Problem statement:
From the data below, repeat exactly the lines from the line with "#26=IFCPOLYGONALFACESET(#25,$,(#19,#20,#21,#22,#23,#24),$);" to the line with "#37=IFCINDEXEDPOLYGONALFACE((5,6,8,7));", both included.

[Stored data entries]

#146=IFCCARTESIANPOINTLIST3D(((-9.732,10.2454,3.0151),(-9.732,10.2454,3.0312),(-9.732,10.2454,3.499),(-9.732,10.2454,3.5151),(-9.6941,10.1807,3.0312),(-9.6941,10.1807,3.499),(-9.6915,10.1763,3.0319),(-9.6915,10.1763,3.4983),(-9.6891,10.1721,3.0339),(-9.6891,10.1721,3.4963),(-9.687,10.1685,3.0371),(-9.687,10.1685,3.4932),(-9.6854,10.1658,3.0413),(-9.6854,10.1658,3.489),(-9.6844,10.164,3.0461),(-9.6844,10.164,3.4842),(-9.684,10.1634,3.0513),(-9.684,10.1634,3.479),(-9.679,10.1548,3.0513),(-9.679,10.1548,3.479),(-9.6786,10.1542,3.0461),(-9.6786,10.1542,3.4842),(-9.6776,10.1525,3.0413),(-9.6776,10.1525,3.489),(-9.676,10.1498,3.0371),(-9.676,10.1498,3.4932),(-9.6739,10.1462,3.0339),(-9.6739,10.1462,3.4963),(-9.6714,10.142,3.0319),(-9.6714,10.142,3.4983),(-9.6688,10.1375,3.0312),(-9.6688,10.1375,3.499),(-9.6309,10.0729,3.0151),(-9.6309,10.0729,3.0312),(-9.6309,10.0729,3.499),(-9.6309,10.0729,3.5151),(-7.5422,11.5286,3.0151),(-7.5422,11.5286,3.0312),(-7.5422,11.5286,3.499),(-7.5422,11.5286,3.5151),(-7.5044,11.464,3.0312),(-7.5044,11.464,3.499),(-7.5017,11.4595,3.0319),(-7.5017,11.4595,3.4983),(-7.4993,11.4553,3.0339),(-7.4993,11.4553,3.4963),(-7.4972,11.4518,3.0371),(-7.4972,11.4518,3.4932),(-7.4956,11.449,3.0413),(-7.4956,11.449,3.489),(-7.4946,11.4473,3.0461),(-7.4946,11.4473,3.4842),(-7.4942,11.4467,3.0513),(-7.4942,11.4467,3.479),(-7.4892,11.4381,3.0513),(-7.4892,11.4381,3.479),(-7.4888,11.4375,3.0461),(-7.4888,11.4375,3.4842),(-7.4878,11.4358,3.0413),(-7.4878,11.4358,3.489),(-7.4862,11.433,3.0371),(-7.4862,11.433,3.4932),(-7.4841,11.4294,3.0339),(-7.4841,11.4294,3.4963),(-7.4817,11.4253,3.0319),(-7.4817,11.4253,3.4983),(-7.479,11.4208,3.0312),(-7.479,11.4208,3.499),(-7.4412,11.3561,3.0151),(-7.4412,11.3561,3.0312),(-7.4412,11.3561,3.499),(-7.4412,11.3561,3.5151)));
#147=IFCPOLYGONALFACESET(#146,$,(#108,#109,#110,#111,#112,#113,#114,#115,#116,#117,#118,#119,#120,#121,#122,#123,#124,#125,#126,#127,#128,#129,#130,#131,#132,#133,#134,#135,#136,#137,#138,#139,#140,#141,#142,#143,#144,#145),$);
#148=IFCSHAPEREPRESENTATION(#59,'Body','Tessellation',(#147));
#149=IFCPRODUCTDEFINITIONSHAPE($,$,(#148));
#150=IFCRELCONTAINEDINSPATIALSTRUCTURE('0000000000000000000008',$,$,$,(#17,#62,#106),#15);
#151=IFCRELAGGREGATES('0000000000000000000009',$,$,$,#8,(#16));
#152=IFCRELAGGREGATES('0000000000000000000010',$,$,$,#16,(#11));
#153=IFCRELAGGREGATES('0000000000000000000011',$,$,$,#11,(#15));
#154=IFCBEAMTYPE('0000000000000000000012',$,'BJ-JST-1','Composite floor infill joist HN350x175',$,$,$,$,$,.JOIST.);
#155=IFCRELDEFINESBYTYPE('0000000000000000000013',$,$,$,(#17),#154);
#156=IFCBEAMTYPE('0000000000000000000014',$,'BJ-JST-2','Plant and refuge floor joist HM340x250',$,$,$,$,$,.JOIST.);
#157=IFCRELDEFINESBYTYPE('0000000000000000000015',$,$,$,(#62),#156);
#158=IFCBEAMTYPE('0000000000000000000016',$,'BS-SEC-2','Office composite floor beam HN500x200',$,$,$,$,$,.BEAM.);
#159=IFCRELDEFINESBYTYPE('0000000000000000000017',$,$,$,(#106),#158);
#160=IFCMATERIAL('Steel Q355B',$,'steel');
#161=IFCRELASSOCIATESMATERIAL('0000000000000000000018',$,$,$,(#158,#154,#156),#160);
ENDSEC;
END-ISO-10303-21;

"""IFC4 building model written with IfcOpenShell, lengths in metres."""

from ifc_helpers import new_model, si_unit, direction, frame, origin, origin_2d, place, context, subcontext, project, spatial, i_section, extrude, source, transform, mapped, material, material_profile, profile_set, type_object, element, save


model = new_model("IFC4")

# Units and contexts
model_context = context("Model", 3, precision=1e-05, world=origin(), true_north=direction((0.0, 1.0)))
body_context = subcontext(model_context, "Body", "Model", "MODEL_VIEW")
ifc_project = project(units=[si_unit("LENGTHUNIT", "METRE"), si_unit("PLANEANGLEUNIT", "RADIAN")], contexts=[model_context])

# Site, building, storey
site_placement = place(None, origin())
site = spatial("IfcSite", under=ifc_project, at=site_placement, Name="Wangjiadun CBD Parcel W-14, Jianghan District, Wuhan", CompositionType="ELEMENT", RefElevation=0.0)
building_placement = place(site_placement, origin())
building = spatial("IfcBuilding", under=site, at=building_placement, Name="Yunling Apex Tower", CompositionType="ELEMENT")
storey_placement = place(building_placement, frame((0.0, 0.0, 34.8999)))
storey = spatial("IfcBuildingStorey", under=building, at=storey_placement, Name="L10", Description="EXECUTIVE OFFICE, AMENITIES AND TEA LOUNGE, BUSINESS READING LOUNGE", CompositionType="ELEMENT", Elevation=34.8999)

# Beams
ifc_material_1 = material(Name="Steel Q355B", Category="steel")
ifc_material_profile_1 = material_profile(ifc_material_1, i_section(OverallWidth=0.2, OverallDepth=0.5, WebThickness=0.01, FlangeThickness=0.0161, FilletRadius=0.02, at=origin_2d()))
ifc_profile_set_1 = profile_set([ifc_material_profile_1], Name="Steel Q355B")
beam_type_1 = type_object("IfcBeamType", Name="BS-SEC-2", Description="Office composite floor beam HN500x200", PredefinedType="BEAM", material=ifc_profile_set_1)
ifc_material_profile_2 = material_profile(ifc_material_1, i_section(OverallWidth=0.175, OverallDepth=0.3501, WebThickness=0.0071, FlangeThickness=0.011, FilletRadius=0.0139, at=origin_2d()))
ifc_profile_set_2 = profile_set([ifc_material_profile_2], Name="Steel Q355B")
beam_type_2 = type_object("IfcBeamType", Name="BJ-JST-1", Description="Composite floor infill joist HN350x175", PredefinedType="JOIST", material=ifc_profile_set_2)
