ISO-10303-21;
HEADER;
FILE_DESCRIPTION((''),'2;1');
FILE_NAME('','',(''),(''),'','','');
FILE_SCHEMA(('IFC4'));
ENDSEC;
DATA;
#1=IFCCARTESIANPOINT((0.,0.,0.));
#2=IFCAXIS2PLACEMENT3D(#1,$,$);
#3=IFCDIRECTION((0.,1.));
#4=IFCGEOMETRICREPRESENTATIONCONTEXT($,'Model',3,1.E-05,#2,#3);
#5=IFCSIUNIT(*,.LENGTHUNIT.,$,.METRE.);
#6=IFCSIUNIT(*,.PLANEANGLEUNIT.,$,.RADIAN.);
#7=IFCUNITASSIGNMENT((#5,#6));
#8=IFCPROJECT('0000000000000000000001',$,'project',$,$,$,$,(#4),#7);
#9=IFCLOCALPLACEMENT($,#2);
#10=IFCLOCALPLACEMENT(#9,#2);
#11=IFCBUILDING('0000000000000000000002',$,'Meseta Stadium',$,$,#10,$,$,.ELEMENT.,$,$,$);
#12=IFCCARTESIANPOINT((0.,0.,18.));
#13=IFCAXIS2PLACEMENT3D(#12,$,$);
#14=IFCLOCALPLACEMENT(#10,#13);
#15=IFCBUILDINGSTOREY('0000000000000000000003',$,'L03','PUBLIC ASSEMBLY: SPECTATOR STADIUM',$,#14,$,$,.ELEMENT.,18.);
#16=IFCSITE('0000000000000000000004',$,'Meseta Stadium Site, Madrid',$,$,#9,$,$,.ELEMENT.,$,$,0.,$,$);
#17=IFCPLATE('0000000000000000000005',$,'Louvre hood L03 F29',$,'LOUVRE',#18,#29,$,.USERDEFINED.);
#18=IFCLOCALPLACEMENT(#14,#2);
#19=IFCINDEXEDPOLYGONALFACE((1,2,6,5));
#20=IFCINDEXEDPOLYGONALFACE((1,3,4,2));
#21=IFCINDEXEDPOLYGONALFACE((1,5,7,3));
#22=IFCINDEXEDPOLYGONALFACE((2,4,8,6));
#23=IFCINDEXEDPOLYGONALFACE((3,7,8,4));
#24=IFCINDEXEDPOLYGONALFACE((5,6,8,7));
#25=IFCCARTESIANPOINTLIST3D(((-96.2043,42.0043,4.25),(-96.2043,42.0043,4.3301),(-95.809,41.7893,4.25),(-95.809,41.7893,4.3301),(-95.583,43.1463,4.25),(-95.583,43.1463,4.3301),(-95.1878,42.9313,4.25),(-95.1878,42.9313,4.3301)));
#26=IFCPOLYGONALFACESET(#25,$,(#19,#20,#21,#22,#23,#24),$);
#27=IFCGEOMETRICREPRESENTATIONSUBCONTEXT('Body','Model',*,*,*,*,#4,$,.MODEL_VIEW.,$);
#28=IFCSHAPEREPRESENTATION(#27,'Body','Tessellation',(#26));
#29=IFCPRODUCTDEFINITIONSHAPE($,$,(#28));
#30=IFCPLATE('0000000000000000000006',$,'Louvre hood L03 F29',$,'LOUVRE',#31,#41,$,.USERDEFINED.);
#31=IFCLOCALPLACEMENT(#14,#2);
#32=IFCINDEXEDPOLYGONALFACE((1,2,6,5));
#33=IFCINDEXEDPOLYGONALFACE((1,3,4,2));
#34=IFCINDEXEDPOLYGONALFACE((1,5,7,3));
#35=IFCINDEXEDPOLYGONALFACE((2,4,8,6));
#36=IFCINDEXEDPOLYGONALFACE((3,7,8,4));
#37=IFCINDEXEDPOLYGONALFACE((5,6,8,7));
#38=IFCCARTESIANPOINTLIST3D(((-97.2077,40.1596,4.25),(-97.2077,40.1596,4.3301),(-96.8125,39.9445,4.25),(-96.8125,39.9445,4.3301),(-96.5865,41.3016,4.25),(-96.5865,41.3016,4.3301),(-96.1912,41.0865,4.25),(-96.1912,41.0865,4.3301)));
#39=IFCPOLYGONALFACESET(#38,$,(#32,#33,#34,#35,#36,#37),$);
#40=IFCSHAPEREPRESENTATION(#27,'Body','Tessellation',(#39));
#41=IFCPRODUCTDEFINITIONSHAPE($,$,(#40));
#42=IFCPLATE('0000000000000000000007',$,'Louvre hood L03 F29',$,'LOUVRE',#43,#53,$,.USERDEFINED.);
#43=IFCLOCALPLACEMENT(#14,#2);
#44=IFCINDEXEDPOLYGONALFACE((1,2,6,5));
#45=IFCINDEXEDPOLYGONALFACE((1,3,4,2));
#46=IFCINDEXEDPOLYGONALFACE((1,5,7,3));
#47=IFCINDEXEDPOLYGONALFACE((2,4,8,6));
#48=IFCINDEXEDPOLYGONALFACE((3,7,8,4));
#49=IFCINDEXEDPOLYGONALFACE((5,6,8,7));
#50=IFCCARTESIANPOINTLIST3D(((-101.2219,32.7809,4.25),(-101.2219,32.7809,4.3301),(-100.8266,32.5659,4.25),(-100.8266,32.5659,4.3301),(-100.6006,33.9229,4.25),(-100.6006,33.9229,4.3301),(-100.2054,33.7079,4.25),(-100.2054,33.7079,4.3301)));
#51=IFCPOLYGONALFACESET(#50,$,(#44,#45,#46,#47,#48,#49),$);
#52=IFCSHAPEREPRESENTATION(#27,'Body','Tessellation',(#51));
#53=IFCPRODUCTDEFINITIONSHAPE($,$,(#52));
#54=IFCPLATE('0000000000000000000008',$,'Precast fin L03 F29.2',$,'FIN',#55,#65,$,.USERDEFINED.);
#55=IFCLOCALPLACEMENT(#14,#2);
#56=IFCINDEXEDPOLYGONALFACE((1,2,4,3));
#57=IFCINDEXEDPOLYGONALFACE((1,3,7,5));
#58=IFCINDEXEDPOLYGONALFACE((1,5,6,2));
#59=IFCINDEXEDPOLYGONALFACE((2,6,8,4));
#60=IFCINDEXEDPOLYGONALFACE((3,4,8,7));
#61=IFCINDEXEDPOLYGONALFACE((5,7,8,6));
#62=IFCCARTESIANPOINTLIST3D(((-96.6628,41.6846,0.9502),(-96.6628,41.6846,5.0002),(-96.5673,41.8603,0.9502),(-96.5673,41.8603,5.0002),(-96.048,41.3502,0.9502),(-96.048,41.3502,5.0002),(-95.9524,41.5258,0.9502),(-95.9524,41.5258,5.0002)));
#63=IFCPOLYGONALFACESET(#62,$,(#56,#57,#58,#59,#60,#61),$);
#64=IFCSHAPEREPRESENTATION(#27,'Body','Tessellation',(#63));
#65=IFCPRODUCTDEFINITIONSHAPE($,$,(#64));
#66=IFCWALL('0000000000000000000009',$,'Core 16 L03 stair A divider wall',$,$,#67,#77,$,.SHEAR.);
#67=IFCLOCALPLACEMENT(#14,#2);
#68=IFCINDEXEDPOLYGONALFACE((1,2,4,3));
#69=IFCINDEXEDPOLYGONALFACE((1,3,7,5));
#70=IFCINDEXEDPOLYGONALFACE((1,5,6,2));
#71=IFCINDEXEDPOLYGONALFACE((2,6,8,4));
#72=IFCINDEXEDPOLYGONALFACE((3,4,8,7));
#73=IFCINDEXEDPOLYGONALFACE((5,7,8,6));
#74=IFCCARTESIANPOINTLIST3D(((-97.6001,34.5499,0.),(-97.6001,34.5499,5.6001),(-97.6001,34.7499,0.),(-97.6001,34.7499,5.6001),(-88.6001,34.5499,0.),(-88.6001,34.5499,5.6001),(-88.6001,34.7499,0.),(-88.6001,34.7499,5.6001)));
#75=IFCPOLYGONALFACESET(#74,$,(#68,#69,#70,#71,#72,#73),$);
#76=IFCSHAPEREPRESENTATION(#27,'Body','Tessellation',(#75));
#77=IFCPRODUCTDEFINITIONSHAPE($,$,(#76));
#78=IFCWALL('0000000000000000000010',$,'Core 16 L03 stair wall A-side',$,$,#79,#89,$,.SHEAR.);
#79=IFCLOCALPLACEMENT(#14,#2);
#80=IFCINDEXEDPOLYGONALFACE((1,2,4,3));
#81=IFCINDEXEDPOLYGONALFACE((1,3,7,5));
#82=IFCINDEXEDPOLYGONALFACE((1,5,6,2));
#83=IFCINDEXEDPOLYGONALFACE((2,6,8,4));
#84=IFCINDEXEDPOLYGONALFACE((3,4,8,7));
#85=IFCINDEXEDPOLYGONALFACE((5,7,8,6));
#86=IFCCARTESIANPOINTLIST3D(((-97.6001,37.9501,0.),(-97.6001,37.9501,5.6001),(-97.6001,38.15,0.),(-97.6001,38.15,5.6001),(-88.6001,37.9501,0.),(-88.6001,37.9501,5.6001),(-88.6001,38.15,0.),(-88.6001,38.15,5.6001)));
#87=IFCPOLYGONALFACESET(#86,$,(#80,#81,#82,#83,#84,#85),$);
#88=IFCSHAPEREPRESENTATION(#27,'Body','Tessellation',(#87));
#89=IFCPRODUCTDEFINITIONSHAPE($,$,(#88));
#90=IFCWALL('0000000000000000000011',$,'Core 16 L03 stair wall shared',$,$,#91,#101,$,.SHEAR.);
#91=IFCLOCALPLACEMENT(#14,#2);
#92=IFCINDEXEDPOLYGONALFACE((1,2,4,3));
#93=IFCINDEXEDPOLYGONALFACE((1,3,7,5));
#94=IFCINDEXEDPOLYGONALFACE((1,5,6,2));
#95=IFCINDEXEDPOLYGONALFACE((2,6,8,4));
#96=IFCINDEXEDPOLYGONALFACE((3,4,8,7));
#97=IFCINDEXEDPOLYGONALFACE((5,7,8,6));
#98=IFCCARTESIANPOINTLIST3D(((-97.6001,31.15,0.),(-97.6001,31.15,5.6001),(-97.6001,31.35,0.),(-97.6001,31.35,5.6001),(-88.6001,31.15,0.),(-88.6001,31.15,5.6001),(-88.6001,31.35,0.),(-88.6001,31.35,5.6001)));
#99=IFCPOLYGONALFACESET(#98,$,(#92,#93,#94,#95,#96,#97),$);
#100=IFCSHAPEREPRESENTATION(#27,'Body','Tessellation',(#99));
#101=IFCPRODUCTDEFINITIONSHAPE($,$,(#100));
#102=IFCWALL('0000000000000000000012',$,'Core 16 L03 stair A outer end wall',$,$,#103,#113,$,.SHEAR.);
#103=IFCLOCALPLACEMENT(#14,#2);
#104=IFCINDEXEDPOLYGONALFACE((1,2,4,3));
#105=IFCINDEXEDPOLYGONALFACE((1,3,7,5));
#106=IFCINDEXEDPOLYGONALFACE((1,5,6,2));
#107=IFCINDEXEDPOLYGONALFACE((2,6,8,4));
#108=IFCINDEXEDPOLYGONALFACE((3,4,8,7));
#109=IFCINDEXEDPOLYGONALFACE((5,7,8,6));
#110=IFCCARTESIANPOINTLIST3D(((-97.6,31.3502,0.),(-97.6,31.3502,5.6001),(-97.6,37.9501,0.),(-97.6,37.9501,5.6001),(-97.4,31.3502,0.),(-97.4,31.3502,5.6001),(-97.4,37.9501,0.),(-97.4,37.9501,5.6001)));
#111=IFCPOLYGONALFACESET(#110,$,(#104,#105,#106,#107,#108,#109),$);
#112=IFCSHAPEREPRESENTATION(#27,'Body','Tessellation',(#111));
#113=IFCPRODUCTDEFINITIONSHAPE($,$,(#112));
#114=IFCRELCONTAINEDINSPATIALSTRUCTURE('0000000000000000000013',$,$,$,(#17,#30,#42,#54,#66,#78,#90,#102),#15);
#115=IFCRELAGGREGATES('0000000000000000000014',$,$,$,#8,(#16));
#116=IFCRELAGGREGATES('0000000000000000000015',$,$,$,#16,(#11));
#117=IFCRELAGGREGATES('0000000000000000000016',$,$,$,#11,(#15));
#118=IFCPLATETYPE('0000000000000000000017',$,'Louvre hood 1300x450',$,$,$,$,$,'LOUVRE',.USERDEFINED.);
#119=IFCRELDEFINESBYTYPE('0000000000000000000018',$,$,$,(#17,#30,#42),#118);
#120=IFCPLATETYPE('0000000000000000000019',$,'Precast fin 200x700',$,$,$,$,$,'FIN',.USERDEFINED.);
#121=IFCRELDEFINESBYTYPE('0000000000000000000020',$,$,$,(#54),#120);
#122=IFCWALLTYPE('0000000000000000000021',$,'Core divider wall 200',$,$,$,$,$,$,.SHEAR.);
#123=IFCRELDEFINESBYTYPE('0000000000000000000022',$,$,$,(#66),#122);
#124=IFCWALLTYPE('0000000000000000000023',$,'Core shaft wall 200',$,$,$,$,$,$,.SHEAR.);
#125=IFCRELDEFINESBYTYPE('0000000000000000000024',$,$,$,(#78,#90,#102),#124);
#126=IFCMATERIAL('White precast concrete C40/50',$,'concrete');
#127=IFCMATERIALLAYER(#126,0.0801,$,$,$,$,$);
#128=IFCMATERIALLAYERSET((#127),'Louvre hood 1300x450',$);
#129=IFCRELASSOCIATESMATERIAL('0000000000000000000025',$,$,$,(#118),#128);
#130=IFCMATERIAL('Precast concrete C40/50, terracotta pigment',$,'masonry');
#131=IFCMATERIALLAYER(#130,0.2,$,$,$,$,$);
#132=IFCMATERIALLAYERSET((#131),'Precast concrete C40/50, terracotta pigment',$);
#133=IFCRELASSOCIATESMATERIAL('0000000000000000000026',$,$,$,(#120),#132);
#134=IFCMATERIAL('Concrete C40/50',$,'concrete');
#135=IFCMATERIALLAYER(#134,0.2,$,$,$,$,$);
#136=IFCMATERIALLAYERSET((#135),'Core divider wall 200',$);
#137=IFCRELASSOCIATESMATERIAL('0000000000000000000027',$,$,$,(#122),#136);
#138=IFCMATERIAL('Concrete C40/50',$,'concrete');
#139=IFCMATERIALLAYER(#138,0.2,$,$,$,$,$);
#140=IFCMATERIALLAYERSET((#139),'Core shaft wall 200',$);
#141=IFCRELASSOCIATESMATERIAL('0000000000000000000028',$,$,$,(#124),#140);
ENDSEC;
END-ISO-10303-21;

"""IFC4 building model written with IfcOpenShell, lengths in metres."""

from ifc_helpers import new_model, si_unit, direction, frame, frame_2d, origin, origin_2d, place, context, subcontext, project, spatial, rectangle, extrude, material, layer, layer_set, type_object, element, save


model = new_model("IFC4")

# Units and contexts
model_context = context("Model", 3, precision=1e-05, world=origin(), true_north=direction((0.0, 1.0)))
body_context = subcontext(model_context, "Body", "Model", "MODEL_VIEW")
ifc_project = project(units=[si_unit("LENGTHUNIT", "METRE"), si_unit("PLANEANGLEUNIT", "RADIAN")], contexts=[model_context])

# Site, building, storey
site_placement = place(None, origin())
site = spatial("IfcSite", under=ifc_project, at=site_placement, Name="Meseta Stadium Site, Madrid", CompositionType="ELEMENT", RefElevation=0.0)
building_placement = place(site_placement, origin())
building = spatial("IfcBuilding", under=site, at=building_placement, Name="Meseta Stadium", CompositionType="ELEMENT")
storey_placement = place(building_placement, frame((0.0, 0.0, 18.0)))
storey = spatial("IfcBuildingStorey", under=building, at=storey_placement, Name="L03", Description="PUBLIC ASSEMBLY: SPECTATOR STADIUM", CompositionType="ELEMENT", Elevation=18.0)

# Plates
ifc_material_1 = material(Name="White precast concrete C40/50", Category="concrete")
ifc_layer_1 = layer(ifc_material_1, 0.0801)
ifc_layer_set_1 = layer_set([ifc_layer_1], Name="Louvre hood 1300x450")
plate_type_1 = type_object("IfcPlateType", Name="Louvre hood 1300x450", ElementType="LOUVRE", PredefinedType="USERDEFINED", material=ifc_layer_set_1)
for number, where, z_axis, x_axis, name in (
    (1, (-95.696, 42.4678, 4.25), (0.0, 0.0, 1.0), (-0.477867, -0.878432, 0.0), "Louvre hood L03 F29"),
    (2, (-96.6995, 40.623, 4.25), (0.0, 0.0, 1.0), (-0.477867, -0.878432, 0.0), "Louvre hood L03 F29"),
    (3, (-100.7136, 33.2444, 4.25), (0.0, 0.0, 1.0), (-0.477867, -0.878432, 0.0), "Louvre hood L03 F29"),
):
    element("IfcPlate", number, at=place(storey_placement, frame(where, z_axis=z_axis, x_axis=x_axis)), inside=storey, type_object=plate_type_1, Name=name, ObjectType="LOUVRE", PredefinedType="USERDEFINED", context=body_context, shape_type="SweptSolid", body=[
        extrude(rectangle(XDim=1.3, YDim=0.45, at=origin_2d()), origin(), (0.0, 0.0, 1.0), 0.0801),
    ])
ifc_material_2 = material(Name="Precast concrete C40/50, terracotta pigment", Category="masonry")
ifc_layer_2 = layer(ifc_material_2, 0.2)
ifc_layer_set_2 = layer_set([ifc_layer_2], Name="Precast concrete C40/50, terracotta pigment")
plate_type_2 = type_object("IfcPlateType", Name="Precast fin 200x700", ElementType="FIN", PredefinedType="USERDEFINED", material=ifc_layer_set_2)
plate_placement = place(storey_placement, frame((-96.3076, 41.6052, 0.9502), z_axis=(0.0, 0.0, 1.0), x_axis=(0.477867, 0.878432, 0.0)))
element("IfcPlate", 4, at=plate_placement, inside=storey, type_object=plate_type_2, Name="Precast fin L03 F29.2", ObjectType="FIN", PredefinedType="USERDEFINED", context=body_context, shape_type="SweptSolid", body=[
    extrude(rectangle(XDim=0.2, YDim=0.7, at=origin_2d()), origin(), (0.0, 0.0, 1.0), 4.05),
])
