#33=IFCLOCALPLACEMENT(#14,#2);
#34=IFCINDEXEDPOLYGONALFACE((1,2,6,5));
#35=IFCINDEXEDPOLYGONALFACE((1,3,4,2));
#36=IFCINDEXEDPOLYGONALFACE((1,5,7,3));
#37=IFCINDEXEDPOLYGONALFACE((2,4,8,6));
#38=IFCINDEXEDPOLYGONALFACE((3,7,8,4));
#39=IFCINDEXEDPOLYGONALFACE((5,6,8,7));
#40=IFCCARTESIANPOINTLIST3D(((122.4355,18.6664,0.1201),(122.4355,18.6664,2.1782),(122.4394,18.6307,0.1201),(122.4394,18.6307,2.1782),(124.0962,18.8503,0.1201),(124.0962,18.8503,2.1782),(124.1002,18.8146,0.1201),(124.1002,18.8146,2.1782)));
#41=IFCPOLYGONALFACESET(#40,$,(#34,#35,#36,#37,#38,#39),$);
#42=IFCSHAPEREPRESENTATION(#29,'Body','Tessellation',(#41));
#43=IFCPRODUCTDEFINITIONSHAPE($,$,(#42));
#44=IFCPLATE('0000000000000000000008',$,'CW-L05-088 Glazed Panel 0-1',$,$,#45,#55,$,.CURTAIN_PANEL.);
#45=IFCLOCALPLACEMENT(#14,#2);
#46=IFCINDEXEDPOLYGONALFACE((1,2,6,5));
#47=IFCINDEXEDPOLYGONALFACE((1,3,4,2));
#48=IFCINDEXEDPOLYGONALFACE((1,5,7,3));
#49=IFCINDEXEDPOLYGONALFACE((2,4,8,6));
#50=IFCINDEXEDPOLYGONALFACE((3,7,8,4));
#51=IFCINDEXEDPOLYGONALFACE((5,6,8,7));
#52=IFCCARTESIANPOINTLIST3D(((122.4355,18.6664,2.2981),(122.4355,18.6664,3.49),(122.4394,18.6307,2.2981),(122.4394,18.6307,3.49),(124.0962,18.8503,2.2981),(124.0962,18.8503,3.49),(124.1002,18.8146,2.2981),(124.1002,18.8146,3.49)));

Answer to the exercise:
#26=IFCPOLYGONALFACESET(#25,$,(#19,#20,#21,#22,#23,#24),$);
#27=IFCGEOMETRICREPRESENTATIONSUBCONTEXT('Body','Model',*,*,*,*,#4,$,.MODEL_VIEW.,$);
#28=IFCSHAPEREPRESENTATION(#27,'Body','Tessellation',(#26));
#29=IFCPRODUCTDEFINITIONSHAPE($,$,(#28));
#30=IFCPLATE('0000000000000000000006',$,'Louvre hood L03 F29',$,'LOUVRE',#31,#41,$,.USERDEFINED.);
#31=IFCLOCALPLACEMENT(#14,#2);
#32=IFCINDEXEDPOLYGONALFACE((1,2,6,5));
#33=IFCINDEXEDPOLYGONALFACE((1,3,4,2));
#34=IFCINDEXEDPOLYGONALFACE((1,5,7,3));
#35=IFCINDEXEDPOLYGONALFACE((2,4,8,6));
#36=IFCINDEXEDPOLYGONALFACE((3,7,8,4));
#37=IFCINDEXEDPOLYGONALFACE((5,6,8,7));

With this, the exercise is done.